Using the data beneath this instruction, retype only the lines from the one that contains "# Shared definitions" down to the one that contains "ifc_layer_1 = layer(ifc_material_2, 0.2)", both included, exactly as they appear.

++++ DATASET EXCERPTS ++++

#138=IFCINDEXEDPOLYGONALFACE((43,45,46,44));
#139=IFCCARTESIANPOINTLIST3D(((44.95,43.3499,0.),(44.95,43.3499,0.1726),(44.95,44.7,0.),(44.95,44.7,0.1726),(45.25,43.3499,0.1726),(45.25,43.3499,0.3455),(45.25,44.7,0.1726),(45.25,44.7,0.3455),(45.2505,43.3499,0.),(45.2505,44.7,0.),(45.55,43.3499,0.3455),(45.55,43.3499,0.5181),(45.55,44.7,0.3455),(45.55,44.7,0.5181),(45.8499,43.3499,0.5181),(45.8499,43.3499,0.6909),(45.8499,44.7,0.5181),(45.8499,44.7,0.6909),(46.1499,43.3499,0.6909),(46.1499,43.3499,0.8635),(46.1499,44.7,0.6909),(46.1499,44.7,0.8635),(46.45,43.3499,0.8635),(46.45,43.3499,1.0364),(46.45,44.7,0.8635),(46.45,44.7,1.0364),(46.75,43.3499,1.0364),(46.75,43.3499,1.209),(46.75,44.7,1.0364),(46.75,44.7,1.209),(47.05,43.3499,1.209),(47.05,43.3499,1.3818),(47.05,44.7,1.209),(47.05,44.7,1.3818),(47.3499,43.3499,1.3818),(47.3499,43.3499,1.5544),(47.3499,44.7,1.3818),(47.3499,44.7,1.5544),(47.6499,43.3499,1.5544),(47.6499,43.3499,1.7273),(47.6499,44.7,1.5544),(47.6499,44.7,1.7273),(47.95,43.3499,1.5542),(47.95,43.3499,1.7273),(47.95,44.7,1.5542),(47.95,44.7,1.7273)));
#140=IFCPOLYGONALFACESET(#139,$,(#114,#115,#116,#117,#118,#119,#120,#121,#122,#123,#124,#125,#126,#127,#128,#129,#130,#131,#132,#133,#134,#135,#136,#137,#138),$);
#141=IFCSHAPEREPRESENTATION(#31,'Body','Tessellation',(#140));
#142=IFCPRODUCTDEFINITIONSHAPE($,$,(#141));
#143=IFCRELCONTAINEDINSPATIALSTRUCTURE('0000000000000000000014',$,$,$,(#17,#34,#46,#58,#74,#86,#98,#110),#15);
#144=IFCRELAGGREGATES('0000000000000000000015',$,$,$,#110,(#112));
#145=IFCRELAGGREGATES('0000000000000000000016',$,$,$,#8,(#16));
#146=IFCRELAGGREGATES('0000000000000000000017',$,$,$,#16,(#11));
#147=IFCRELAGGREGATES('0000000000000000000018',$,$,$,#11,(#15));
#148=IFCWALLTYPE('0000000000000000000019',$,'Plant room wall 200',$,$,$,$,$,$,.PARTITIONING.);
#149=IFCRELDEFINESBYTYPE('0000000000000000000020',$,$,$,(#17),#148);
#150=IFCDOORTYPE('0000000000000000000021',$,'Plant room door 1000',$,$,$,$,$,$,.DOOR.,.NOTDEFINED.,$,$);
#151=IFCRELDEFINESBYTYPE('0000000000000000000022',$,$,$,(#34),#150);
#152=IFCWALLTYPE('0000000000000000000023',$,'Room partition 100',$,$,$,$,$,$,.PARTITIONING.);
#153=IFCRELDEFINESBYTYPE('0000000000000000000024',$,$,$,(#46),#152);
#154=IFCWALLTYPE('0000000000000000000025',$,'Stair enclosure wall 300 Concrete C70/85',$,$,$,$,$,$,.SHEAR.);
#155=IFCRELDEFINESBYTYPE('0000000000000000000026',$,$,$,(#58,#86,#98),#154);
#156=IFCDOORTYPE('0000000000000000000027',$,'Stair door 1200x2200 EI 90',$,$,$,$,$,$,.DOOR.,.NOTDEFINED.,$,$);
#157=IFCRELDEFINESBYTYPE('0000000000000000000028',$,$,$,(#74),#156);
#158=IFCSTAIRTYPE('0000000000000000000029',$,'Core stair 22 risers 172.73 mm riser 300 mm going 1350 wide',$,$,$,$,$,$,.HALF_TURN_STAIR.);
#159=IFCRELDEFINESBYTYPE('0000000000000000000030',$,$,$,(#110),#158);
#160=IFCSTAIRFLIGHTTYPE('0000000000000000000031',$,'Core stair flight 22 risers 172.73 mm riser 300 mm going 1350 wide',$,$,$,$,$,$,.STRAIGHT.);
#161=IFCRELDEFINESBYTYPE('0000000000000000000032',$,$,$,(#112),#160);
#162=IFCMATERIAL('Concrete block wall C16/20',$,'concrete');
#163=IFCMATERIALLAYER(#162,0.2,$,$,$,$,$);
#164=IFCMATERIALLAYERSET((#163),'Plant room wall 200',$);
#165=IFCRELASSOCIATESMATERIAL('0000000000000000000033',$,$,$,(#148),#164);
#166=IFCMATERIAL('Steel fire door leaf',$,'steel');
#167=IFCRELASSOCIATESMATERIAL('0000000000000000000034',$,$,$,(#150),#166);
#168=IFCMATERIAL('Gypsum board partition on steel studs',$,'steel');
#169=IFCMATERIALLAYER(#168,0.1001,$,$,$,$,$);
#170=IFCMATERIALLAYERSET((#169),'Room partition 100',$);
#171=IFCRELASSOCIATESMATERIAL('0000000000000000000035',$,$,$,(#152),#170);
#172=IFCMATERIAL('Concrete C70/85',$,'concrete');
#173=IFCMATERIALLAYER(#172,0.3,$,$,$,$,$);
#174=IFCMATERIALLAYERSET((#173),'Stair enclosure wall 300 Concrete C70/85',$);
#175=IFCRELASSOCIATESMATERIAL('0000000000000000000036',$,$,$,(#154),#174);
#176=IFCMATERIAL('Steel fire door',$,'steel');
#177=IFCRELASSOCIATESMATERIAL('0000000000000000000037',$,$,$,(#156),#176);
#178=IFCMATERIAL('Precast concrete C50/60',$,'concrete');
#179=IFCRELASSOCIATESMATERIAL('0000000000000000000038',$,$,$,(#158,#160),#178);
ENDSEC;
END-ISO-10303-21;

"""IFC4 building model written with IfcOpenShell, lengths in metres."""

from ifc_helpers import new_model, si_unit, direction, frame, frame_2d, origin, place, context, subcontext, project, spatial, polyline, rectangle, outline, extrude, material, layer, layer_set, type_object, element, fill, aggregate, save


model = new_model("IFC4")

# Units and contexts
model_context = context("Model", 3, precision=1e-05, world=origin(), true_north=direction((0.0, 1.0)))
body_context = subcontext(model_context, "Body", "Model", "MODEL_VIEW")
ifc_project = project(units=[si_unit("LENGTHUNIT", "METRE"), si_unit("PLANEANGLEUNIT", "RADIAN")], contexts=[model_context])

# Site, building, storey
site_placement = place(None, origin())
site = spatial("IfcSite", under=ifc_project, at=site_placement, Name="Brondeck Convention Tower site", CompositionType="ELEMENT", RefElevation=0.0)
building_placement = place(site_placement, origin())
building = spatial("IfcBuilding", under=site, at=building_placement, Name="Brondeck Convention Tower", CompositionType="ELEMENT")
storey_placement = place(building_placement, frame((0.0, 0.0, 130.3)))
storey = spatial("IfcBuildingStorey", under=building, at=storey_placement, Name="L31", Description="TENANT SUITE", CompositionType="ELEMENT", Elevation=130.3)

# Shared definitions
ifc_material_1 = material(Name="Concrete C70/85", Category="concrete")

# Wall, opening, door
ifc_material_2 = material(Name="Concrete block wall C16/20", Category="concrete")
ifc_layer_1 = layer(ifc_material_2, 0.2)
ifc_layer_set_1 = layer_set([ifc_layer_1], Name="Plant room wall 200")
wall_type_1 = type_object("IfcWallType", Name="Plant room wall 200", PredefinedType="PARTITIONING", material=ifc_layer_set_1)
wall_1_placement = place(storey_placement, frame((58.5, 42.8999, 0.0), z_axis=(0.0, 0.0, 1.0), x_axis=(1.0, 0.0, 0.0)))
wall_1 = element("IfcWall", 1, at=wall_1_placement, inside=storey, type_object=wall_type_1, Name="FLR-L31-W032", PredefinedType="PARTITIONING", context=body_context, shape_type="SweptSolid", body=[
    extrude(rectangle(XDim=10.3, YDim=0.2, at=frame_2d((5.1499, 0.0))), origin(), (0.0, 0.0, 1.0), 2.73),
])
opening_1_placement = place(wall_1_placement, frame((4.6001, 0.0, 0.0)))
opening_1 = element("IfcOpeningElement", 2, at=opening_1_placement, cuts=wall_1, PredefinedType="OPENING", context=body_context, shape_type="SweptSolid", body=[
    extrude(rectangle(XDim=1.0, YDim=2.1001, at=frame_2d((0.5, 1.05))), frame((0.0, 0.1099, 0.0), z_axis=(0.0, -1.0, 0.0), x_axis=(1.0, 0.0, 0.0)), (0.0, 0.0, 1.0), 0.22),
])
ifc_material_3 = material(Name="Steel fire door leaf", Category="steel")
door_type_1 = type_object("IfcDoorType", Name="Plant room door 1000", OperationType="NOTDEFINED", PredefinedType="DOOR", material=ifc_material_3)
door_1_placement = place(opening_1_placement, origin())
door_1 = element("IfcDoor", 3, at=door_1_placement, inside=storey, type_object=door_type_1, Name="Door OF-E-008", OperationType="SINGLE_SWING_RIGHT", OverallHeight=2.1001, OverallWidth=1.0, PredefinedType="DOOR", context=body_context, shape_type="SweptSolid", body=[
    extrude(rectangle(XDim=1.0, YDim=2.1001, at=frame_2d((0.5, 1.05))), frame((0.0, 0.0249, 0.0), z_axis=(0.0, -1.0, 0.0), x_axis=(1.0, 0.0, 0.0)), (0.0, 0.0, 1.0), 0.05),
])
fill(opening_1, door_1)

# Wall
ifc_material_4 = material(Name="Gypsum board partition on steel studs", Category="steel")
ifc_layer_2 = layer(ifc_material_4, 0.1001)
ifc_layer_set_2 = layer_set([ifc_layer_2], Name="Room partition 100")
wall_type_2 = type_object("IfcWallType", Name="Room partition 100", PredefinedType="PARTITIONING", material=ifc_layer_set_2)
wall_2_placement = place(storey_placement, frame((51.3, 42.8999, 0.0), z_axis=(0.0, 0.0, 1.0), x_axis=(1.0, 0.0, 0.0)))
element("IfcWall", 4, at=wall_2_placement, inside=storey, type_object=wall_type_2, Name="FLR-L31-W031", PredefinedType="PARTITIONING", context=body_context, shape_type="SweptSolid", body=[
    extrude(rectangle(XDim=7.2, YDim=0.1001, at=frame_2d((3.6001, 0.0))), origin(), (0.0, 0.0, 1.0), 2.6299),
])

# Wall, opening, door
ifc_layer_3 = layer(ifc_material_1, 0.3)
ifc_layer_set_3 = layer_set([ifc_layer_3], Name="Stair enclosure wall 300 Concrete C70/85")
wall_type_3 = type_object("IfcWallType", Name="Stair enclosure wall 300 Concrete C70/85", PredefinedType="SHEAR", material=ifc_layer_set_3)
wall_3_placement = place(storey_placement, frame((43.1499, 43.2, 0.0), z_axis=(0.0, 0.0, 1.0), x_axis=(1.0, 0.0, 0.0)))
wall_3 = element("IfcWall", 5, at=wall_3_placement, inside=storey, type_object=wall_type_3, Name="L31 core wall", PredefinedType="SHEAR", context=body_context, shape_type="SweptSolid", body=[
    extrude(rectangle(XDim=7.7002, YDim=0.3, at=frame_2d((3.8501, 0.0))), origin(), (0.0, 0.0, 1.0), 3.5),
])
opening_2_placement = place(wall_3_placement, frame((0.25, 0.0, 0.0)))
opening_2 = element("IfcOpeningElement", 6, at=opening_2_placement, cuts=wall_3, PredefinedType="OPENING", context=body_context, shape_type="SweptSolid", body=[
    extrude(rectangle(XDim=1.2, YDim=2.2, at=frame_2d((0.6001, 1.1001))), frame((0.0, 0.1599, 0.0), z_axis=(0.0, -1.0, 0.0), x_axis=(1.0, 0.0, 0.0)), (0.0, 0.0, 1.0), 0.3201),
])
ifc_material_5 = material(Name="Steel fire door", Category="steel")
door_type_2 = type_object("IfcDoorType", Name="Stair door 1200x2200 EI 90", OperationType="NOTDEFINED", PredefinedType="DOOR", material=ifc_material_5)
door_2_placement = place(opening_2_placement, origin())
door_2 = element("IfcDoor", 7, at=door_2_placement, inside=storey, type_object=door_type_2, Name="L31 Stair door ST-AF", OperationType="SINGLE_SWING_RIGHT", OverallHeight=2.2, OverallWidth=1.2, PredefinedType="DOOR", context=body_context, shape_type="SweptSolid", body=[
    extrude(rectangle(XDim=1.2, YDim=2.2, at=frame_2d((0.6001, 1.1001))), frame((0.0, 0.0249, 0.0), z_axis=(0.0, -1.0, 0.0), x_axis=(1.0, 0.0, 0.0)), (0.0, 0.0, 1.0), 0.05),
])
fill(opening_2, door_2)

++++

▶ TASK ANSWER:
# Shared definitions
ifc_material_1 = material(Name="Concrete C70/85", Category="concrete")

# Wall, opening, door
ifc_material_2 = material(Name="Concrete block wall C16/20", Category="concrete")
ifc_layer_1 = layer(ifc_material_2, 0.2)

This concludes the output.